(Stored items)

━━━━━━━━

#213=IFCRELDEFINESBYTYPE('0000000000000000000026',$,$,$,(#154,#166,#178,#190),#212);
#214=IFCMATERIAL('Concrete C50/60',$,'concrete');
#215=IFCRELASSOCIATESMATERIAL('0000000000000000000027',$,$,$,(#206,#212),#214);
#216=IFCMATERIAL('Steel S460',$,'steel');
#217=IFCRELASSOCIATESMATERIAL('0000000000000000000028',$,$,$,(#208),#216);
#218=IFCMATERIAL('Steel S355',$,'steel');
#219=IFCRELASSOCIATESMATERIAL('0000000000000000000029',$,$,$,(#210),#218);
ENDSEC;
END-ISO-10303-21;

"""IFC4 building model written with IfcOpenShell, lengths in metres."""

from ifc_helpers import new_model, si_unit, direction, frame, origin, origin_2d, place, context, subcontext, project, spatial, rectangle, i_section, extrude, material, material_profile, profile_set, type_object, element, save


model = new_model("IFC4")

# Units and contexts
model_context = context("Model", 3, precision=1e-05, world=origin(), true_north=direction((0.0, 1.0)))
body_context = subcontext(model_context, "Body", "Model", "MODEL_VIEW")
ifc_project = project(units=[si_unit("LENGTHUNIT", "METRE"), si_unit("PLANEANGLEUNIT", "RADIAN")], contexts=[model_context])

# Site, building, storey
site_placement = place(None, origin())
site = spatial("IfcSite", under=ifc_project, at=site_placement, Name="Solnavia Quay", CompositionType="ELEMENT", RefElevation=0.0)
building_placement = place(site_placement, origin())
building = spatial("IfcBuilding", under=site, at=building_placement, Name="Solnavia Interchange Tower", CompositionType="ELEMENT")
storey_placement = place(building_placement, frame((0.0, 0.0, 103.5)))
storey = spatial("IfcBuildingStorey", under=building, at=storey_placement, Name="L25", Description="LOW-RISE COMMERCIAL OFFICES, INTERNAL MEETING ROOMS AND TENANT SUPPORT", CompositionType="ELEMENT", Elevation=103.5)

━━━━━━━━

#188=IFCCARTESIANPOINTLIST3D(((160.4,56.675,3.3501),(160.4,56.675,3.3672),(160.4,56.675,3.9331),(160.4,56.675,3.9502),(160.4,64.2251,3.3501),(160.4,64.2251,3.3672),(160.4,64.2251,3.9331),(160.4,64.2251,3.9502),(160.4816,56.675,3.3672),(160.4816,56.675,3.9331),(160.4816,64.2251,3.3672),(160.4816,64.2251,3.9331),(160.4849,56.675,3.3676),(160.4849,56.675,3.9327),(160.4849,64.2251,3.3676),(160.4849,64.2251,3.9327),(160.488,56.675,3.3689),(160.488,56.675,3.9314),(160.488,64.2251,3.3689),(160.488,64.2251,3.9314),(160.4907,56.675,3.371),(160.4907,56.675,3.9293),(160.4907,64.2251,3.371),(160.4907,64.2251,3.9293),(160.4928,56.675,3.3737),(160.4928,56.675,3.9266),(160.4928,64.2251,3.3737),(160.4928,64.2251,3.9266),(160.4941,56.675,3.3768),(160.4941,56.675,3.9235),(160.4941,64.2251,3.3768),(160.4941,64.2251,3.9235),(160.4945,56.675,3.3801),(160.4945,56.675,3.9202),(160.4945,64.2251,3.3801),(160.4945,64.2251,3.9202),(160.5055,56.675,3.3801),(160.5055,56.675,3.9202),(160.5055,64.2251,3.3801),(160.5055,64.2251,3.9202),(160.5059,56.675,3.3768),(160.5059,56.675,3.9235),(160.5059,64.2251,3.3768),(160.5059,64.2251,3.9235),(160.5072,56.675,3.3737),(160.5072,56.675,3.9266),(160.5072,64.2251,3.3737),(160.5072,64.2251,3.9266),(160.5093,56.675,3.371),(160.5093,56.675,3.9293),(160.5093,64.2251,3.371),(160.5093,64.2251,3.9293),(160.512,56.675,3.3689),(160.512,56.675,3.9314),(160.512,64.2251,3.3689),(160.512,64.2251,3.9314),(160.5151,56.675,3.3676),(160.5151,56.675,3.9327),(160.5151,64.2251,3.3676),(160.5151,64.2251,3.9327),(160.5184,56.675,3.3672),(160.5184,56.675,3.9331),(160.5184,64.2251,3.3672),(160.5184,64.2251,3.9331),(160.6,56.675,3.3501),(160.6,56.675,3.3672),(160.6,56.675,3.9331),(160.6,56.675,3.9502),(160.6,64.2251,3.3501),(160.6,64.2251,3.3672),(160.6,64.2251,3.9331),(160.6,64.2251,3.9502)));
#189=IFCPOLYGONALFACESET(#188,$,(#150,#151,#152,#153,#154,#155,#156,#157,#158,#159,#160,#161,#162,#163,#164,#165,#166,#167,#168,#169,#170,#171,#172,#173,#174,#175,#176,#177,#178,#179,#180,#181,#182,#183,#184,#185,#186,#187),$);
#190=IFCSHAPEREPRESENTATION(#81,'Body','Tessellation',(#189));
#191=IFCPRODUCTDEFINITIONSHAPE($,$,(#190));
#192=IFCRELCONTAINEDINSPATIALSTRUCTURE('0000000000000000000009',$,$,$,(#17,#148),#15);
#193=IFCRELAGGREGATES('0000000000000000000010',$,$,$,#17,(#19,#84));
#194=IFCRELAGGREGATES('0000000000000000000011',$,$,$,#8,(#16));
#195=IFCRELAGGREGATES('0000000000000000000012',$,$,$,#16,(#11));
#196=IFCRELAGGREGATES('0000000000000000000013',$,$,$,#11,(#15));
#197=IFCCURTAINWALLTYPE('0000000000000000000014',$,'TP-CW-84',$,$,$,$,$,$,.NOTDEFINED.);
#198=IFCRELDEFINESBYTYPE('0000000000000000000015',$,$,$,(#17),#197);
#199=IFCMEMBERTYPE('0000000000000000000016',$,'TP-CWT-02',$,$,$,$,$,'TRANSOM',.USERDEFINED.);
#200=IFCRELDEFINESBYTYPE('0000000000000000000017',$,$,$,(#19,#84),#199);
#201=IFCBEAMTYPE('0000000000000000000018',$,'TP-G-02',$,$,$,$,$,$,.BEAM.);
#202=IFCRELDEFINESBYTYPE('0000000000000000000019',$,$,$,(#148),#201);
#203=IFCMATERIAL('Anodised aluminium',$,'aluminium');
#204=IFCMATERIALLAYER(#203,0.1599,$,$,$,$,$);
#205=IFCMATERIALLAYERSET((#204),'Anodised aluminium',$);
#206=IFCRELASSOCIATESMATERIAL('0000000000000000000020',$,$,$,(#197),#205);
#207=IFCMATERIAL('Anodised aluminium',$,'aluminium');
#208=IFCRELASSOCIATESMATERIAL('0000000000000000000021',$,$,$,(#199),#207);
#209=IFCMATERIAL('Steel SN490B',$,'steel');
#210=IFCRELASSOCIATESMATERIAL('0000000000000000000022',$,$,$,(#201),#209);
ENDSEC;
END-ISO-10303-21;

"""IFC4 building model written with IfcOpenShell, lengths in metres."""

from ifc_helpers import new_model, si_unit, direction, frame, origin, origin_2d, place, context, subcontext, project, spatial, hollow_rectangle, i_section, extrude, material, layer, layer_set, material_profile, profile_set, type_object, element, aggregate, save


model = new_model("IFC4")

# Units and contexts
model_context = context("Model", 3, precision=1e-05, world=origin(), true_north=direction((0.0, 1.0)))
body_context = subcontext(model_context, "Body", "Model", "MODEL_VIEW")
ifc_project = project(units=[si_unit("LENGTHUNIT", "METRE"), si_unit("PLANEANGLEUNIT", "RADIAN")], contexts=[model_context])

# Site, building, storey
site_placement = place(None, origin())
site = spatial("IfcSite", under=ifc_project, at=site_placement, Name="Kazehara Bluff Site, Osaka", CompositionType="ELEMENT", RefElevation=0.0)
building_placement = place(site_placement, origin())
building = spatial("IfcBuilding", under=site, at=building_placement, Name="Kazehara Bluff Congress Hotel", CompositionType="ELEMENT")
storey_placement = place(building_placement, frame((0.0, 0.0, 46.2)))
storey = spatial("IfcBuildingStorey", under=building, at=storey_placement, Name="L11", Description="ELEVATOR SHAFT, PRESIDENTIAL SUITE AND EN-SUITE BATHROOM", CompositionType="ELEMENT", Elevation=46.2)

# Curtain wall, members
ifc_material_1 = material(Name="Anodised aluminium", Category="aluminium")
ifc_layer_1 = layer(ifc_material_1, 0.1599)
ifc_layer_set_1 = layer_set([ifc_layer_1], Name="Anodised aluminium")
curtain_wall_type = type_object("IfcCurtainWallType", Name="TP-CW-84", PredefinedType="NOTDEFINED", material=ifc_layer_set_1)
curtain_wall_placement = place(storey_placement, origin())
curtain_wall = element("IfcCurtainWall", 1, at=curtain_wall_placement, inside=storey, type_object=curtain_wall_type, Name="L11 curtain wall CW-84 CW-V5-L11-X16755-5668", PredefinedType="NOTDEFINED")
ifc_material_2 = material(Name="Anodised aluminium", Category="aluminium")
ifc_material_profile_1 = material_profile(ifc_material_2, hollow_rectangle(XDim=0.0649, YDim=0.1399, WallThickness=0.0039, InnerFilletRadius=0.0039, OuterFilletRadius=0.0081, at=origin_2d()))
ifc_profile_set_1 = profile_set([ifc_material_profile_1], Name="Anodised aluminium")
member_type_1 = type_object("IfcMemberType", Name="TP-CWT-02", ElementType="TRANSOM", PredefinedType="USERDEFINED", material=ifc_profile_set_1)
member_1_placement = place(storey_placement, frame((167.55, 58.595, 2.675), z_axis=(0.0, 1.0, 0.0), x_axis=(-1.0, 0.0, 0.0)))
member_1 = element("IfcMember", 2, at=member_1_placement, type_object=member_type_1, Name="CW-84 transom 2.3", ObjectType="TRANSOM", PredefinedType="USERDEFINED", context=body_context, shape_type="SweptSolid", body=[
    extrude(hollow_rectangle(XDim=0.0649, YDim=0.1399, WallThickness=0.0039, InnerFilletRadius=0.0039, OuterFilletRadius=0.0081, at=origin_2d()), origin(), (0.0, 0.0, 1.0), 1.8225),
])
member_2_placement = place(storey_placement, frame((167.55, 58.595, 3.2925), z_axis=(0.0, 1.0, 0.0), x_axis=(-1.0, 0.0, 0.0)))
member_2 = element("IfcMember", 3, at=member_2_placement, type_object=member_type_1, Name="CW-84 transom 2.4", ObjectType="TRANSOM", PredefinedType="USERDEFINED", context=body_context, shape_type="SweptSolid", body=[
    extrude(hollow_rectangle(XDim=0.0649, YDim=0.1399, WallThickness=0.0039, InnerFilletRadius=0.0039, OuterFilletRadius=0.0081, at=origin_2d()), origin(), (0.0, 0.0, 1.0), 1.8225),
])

━━━━━━━━

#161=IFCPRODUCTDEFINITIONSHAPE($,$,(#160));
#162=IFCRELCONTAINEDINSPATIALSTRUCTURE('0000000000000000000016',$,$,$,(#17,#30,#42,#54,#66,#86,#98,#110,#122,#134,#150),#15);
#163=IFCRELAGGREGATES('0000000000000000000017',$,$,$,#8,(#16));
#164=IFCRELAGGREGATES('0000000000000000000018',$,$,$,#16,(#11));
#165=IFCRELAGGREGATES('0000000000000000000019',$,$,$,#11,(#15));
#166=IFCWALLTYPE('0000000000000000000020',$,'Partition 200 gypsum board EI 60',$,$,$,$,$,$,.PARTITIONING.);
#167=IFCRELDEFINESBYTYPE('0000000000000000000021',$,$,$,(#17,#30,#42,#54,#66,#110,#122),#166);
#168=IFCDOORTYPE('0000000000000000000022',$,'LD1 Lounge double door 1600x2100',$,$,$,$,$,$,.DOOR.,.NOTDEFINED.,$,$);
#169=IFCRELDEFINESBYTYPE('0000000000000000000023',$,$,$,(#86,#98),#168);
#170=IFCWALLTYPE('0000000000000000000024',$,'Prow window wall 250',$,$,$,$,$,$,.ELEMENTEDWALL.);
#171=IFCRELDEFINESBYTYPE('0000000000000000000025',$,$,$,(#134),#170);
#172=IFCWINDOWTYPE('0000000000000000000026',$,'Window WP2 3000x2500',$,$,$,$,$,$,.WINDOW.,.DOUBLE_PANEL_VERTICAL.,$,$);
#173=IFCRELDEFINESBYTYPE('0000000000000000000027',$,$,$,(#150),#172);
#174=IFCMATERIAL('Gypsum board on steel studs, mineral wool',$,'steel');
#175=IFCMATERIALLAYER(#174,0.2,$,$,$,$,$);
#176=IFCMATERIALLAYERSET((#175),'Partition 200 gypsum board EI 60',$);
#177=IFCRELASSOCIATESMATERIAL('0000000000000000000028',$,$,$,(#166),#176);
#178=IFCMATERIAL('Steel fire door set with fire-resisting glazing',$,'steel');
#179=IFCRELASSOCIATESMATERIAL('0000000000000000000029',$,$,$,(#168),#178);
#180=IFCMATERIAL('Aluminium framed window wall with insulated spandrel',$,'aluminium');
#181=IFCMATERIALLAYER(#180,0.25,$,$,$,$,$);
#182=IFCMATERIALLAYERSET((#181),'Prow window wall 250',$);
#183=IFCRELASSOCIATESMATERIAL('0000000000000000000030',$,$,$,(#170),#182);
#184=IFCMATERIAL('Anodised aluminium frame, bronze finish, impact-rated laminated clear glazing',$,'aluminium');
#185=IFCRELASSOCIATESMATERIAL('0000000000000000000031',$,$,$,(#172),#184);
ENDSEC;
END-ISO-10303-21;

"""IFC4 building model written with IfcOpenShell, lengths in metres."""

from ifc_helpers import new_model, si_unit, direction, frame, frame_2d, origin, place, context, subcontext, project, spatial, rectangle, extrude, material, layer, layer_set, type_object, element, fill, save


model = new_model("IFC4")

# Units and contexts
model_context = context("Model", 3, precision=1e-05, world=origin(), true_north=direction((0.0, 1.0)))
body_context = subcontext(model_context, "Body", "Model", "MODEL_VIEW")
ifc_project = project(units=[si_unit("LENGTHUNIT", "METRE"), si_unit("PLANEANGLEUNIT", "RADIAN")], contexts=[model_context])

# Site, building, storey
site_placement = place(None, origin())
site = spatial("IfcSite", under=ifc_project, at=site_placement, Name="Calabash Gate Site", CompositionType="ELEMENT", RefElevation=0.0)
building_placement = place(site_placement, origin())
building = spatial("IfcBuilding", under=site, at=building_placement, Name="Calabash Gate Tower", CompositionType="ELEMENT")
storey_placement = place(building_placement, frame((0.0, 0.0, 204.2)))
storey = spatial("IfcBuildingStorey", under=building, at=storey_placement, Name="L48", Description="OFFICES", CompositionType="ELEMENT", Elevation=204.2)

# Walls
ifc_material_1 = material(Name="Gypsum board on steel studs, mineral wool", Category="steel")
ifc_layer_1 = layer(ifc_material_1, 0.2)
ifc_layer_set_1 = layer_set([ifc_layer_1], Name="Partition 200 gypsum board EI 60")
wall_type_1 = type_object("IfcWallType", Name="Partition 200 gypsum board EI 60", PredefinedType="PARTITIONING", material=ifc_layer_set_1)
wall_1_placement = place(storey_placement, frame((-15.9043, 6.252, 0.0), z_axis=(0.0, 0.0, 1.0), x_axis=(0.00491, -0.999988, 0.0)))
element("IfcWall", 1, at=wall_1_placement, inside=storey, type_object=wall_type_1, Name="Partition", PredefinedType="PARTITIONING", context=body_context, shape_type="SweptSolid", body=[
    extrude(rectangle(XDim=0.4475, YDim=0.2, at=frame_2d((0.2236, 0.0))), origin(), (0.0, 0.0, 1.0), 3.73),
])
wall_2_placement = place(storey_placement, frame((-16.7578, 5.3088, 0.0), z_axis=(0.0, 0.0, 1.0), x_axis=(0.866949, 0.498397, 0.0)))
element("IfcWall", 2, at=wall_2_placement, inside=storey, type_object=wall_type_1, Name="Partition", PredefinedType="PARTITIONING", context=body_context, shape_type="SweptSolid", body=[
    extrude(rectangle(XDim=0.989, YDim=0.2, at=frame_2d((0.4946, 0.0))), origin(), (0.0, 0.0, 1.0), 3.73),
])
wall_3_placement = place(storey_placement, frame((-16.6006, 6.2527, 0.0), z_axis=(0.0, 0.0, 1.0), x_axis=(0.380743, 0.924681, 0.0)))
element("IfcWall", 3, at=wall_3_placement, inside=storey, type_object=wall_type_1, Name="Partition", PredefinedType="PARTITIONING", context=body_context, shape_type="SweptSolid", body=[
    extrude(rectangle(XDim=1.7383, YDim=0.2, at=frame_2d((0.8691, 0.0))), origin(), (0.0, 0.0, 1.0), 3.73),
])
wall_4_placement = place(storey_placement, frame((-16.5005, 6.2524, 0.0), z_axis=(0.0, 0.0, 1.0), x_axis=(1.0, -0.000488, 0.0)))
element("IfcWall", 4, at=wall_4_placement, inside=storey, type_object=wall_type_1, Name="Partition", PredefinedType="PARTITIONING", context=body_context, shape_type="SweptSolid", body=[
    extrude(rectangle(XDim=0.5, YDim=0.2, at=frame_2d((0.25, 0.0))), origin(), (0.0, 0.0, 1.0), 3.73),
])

━━━━━━━━

- _Exercise objective_:
When a line in the data above contains the string "studs", copy that line.

- _Solution_:
#174=IFCMATERIAL('Gypsum board on steel studs, mineral wool',$,'steel');
ifc_material_1 = material(Name="Gypsum board on steel studs, mineral wool", Category="steel")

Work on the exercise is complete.